WHAT YOU HAVE TO DO.
In the entries that follow, find the line containing "#68=IFCINDEXEDPOLYGONALFACE((1,2,4,3));", then output exactly every line from the first through that one.

=== Section Start ===

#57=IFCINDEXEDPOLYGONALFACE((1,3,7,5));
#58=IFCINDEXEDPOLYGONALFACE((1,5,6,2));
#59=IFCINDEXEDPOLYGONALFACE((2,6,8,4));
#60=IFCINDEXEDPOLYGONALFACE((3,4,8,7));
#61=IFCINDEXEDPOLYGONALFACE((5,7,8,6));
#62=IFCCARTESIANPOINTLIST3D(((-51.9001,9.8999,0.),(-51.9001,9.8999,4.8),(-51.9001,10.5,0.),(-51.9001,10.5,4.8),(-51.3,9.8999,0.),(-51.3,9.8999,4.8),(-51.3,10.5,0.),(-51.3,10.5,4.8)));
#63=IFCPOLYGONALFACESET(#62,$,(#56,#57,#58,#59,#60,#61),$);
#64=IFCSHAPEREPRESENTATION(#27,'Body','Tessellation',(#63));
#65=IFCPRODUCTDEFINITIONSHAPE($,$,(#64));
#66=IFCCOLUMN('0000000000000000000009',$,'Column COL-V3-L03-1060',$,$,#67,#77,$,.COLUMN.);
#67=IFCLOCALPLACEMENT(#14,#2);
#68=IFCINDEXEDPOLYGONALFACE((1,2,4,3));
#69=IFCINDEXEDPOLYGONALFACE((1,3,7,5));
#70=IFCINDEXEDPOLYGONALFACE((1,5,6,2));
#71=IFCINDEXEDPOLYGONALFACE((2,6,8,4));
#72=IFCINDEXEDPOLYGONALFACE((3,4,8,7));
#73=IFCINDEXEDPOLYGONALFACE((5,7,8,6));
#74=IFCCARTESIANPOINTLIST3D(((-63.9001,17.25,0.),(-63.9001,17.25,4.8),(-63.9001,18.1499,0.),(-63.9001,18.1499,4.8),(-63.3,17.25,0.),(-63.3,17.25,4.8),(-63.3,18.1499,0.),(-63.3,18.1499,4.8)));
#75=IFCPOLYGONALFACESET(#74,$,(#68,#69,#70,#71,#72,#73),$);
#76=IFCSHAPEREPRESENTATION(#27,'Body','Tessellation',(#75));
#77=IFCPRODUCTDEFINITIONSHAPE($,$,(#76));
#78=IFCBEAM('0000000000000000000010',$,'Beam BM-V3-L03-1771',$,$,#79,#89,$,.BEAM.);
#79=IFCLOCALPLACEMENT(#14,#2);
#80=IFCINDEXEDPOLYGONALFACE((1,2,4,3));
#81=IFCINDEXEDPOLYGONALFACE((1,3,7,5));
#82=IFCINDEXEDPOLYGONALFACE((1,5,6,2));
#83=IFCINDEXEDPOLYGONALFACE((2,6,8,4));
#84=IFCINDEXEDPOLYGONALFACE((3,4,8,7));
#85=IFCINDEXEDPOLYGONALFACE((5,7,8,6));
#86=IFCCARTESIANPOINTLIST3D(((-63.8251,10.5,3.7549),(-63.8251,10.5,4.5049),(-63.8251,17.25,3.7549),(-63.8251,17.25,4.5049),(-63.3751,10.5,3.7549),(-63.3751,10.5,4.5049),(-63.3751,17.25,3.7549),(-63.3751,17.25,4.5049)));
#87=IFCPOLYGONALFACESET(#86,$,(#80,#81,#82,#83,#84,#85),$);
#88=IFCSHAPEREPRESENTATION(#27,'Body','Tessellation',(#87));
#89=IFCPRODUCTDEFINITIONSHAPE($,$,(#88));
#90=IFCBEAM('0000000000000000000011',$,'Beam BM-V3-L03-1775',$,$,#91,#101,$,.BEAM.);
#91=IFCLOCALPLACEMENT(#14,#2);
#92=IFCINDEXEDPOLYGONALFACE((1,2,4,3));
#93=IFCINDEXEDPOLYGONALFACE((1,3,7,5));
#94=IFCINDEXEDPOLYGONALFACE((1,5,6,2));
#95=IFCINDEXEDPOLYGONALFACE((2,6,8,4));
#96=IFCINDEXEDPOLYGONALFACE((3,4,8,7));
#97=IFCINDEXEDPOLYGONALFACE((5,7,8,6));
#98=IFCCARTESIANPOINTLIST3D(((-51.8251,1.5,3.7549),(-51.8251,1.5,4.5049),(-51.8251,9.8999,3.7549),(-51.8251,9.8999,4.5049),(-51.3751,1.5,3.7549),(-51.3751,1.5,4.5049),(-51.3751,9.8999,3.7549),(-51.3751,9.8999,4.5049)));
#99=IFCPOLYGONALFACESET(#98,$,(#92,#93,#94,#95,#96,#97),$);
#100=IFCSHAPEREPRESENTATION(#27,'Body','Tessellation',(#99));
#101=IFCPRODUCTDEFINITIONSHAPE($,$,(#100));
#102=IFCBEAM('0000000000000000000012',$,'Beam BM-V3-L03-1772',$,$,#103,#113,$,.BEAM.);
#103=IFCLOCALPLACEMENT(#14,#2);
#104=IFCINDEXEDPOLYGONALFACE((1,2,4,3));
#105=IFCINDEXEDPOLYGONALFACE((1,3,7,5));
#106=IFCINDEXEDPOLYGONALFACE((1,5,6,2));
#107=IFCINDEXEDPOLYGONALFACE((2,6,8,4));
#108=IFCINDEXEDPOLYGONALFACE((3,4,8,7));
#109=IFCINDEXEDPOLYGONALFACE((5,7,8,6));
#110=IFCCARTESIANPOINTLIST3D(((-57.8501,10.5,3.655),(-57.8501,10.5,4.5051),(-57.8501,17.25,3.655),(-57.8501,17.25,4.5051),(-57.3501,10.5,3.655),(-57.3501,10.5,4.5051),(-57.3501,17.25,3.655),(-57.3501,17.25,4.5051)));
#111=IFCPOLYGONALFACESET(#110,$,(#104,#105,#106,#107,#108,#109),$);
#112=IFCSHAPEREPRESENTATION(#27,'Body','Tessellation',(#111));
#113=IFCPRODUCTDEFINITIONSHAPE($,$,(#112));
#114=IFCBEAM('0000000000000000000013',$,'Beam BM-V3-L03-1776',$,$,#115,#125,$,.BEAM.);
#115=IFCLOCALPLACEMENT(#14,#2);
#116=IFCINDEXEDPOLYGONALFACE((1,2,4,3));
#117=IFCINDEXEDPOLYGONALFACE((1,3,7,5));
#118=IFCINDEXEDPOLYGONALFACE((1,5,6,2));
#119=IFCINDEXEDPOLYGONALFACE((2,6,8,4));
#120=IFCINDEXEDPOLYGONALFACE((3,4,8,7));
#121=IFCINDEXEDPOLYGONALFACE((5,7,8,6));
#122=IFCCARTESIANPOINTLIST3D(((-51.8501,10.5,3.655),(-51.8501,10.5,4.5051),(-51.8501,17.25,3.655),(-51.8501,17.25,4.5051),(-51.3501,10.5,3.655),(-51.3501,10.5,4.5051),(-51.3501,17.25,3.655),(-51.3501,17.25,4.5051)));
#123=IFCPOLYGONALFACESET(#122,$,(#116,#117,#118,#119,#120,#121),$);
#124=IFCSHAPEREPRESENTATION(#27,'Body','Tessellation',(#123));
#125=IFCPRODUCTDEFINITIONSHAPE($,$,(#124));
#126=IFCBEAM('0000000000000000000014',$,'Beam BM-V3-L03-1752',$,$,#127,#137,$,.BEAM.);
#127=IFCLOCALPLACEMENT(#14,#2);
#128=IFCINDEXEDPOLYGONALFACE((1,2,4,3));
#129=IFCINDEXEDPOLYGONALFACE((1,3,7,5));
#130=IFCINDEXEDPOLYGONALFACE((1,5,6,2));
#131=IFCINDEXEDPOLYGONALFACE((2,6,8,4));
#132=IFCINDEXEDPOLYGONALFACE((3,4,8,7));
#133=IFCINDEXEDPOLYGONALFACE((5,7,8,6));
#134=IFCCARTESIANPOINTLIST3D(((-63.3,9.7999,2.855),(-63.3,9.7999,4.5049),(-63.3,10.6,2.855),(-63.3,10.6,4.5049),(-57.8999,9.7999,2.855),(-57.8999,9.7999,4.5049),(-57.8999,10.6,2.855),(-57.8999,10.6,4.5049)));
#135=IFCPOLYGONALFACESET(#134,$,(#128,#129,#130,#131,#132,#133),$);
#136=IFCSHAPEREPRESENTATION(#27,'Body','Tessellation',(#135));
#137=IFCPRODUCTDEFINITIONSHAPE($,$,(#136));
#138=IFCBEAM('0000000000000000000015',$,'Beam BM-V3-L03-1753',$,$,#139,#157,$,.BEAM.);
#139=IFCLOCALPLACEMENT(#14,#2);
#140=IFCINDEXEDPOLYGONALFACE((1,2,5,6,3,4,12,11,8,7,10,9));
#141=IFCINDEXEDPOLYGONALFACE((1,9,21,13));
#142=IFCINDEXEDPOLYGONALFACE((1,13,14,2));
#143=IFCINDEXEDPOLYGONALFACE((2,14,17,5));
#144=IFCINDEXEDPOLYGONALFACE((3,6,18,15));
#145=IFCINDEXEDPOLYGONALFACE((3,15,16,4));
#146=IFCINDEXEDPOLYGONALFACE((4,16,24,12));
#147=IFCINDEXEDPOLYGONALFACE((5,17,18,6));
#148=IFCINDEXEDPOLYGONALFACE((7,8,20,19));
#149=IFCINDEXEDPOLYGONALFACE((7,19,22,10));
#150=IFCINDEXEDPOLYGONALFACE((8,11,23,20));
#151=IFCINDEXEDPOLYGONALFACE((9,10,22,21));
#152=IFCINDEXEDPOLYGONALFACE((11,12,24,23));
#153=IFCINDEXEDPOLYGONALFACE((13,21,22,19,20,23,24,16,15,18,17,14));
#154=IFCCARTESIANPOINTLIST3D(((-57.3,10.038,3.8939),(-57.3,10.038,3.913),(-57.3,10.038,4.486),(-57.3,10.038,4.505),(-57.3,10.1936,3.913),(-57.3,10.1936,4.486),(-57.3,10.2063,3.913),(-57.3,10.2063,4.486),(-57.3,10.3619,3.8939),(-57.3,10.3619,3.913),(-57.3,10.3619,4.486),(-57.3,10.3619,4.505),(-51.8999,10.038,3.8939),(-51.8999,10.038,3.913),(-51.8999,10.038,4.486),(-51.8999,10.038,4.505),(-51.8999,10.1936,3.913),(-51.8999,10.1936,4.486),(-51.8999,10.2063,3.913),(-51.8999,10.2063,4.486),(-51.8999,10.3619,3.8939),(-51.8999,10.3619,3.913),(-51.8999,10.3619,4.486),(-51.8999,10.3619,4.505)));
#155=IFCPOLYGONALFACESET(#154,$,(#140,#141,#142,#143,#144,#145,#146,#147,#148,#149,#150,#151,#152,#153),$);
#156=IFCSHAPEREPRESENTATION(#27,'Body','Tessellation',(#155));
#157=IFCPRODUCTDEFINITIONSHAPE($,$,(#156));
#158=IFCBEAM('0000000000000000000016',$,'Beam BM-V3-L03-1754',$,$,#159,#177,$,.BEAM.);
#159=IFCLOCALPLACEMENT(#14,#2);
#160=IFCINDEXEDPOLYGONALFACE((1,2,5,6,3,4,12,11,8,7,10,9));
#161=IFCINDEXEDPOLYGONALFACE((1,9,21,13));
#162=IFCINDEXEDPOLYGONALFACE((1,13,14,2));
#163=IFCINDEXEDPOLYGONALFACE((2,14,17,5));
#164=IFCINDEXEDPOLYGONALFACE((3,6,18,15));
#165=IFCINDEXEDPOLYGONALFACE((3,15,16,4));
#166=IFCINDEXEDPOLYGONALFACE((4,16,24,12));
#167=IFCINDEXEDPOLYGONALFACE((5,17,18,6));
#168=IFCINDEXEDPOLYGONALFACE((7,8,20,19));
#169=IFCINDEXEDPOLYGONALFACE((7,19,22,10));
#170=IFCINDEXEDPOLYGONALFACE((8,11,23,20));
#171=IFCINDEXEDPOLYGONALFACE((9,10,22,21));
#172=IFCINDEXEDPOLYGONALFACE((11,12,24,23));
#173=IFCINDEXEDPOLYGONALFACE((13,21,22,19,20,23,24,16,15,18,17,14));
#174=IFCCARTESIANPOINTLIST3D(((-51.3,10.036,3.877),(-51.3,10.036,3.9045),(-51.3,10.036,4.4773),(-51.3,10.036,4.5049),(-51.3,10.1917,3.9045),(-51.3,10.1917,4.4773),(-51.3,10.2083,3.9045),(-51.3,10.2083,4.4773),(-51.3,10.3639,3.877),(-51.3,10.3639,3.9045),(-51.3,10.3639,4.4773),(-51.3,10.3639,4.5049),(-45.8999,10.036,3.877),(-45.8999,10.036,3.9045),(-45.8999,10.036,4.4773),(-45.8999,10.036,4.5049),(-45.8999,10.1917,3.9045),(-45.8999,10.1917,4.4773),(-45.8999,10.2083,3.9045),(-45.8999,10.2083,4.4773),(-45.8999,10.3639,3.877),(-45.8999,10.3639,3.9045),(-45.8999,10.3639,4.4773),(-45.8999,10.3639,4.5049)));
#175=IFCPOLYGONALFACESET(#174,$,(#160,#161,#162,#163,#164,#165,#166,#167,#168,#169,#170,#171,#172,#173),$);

=== Section End ===

EXERCISE SOLUTION.
#57=IFCINDEXEDPOLYGONALFACE((1,3,7,5));
#58=IFCINDEXEDPOLYGONALFACE((1,5,6,2));
#59=IFCINDEXEDPOLYGONALFACE((2,6,8,4));
#60=IFCINDEXEDPOLYGONALFACE((3,4,8,7));
#61=IFCINDEXEDPOLYGONALFACE((5,7,8,6));
#62=IFCCARTESIANPOINTLIST3D(((-51.9001,9.8999,0.),(-51.9001,9.8999,4.8),(-51.9001,10.5,0.),(-51.9001,10.5,4.8),(-51.3,9.8999,0.),(-51.3,9.8999,4.8),(-51.3,10.5,0.),(-51.3,10.5,4.8)));
#63=IFCPOLYGONALFACESET(#62,$,(#56,#57,#58,#59,#60,#61),$);
#64=IFCSHAPEREPRESENTATION(#27,'Body','Tessellation',(#63));
#65=IFCPRODUCTDEFINITIONSHAPE($,$,(#64));
#66=IFCCOLUMN('0000000000000000000009',$,'Column COL-V3-L03-1060',$,$,#67,#77,$,.COLUMN.);
#67=IFCLOCALPLACEMENT(#14,#2);
#68=IFCINDEXEDPOLYGONALFACE((1,2,4,3));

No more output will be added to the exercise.